Work required
Below are several entries. Transcribe exactly those lines that fall from the one with "#200=IFCBEAMTYPE('0000000000000000000031',$,'RC spandrel beam" through the one with "#212=IFCMATERIALLAYERSET((#211),'Clear glass',$);", end lines included.

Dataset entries
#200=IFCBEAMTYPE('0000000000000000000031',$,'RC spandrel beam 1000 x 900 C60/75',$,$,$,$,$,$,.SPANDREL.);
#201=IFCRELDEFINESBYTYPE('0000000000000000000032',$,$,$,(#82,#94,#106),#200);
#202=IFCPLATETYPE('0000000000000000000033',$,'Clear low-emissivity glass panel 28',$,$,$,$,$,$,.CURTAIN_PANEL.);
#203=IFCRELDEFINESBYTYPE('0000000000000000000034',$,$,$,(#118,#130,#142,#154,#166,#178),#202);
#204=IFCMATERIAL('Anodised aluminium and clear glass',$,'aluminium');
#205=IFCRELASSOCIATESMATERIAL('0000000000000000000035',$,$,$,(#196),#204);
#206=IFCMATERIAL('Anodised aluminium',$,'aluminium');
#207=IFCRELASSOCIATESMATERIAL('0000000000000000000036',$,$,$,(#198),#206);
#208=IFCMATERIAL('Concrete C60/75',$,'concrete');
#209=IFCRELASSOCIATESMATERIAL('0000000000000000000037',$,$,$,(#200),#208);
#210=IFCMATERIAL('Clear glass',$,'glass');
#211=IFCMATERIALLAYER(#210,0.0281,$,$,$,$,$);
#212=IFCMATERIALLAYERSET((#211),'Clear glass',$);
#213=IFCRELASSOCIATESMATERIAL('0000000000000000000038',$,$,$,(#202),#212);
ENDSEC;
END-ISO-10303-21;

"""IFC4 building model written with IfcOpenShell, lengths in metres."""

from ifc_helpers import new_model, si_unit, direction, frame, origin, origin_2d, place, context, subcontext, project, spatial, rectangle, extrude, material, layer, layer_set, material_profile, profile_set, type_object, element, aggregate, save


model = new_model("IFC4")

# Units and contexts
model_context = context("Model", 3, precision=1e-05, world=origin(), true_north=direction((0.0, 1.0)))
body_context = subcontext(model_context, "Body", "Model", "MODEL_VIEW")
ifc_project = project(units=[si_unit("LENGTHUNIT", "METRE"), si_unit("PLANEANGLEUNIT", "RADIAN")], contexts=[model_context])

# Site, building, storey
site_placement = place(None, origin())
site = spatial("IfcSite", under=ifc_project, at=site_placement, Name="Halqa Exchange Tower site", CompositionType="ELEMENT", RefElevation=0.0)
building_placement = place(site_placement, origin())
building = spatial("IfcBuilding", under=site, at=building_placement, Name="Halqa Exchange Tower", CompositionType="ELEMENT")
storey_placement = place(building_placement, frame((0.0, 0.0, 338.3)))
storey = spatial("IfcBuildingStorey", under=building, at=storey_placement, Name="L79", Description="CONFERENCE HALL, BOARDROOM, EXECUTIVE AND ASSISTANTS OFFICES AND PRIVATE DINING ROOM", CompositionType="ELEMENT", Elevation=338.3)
...
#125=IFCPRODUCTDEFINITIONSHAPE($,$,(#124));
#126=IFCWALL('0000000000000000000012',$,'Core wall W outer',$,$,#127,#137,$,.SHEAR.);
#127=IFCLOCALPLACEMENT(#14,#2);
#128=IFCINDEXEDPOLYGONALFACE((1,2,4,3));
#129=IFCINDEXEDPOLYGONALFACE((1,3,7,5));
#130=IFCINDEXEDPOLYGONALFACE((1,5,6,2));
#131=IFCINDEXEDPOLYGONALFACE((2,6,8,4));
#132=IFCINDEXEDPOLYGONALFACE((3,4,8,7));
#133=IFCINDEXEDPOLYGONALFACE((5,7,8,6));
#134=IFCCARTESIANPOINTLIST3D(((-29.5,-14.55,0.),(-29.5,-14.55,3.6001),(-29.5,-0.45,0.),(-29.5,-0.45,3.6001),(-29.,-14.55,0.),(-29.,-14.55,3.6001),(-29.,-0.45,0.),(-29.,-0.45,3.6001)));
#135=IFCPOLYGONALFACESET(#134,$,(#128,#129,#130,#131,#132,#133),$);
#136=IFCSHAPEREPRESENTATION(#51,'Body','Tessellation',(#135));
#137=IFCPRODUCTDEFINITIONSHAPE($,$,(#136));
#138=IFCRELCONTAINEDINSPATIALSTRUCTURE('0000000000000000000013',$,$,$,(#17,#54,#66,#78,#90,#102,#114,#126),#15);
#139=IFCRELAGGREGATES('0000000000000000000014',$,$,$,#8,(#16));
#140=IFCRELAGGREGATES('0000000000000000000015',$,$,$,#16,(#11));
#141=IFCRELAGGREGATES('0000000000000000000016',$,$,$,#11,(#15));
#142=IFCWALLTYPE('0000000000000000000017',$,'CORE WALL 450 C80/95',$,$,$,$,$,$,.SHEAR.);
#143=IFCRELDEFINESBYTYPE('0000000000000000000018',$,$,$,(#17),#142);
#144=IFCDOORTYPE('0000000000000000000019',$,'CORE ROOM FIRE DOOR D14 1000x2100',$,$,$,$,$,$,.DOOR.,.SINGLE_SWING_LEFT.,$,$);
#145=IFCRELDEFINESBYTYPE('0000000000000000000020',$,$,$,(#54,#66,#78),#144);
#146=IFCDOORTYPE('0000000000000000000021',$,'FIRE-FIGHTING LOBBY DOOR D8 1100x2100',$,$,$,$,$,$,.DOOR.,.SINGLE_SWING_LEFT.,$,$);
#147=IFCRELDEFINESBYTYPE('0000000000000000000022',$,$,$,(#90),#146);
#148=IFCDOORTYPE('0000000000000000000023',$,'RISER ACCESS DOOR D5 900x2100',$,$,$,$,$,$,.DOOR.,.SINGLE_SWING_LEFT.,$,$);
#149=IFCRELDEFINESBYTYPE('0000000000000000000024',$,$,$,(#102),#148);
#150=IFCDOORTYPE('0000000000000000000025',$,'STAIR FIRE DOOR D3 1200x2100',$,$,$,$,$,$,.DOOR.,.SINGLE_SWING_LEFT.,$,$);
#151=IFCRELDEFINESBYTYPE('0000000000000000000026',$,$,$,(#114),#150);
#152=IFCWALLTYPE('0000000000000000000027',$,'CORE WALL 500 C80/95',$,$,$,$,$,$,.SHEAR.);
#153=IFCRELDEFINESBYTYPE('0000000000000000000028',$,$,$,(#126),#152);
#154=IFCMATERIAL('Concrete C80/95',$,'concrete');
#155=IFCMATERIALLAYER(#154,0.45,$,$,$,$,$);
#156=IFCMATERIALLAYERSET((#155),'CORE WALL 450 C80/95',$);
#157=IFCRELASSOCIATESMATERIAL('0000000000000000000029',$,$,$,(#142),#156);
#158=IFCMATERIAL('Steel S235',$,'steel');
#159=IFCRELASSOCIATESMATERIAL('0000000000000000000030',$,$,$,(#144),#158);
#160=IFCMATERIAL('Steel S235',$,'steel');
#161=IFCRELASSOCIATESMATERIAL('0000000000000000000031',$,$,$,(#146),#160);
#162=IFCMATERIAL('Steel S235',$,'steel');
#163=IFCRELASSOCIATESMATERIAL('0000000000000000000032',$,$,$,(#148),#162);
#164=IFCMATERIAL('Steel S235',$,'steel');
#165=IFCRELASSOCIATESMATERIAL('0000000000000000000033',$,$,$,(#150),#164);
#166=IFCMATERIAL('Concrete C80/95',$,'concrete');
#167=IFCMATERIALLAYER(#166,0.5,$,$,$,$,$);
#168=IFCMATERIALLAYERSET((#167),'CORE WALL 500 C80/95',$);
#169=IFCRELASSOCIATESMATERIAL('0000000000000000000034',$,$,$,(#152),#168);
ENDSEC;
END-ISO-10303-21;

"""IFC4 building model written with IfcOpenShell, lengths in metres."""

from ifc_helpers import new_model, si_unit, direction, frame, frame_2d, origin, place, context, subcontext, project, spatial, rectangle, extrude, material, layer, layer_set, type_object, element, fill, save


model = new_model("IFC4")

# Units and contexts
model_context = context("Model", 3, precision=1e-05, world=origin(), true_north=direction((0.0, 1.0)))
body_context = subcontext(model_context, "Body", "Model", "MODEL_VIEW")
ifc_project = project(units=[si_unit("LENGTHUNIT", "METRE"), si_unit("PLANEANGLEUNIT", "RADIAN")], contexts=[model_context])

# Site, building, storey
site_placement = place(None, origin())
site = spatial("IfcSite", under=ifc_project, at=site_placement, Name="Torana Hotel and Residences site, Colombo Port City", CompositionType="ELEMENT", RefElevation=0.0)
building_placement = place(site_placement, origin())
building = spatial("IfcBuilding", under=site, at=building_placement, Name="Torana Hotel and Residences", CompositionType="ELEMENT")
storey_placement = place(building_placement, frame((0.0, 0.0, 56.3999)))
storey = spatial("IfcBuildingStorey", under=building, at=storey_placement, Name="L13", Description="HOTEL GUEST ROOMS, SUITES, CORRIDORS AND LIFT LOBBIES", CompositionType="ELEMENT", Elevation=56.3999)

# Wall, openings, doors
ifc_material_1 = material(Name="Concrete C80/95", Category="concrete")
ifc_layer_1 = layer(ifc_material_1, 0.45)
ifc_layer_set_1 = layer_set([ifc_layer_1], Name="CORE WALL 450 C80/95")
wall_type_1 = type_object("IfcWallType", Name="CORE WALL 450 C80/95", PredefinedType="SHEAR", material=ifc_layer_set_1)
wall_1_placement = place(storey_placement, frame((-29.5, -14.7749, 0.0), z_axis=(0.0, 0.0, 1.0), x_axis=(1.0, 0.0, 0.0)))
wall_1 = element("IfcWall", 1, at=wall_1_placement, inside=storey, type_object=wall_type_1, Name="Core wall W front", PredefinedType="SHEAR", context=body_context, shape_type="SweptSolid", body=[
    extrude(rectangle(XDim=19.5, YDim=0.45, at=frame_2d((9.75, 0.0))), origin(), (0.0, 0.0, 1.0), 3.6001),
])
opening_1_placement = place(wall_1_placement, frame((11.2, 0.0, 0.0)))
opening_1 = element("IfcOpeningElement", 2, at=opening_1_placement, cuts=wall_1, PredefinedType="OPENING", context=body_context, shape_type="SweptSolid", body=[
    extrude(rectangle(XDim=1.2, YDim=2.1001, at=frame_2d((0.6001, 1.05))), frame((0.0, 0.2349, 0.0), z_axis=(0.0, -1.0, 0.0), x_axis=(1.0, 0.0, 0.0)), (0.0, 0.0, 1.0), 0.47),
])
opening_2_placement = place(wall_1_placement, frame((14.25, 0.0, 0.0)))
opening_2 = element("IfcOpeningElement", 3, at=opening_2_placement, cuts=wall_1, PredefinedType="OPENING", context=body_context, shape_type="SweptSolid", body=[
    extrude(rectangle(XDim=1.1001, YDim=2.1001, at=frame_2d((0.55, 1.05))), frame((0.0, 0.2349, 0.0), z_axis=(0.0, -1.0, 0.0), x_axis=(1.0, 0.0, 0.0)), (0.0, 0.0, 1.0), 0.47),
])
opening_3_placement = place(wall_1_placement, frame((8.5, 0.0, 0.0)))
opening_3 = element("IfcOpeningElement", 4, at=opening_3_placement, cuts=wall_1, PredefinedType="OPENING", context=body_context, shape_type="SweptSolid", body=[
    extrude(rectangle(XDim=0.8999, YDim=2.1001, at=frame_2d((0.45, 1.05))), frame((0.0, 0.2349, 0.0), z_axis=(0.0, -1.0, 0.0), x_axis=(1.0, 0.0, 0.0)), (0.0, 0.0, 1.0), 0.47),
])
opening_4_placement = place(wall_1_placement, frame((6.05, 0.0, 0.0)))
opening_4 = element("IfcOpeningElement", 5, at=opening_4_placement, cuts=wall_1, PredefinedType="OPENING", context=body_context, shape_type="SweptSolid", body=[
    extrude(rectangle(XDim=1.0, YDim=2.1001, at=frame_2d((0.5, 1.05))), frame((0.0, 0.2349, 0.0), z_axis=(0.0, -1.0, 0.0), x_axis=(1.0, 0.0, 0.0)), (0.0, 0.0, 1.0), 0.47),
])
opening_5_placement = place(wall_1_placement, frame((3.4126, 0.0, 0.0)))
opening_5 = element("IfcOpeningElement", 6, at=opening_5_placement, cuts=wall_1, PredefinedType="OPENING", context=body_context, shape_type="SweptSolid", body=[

Written solution
#200=IFCBEAMTYPE('0000000000000000000031',$,'RC spandrel beam 1000 x 900 C60/75',$,$,$,$,$,$,.SPANDREL.);
#201=IFCRELDEFINESBYTYPE('0000000000000000000032',$,$,$,(#82,#94,#106),#200);
#202=IFCPLATETYPE('0000000000000000000033',$,'Clear low-emissivity glass panel 28',$,$,$,$,$,$,.CURTAIN_PANEL.);
#203=IFCRELDEFINESBYTYPE('0000000000000000000034',$,$,$,(#118,#130,#142,#154,#166,#178),#202);
#204=IFCMATERIAL('Anodised aluminium and clear glass',$,'aluminium');
#205=IFCRELASSOCIATESMATERIAL('0000000000000000000035',$,$,$,(#196),#204);
#206=IFCMATERIAL('Anodised aluminium',$,'aluminium');
#207=IFCRELASSOCIATESMATERIAL('0000000000000000000036',$,$,$,(#198),#206);
#208=IFCMATERIAL('Concrete C60/75',$,'concrete');
#209=IFCRELASSOCIATESMATERIAL('0000000000000000000037',$,$,$,(#200),#208);
#210=IFCMATERIAL('Clear glass',$,'glass');
#211=IFCMATERIALLAYER(#210,0.0281,$,$,$,$,$);
#212=IFCMATERIALLAYERSET((#211),'Clear glass',$);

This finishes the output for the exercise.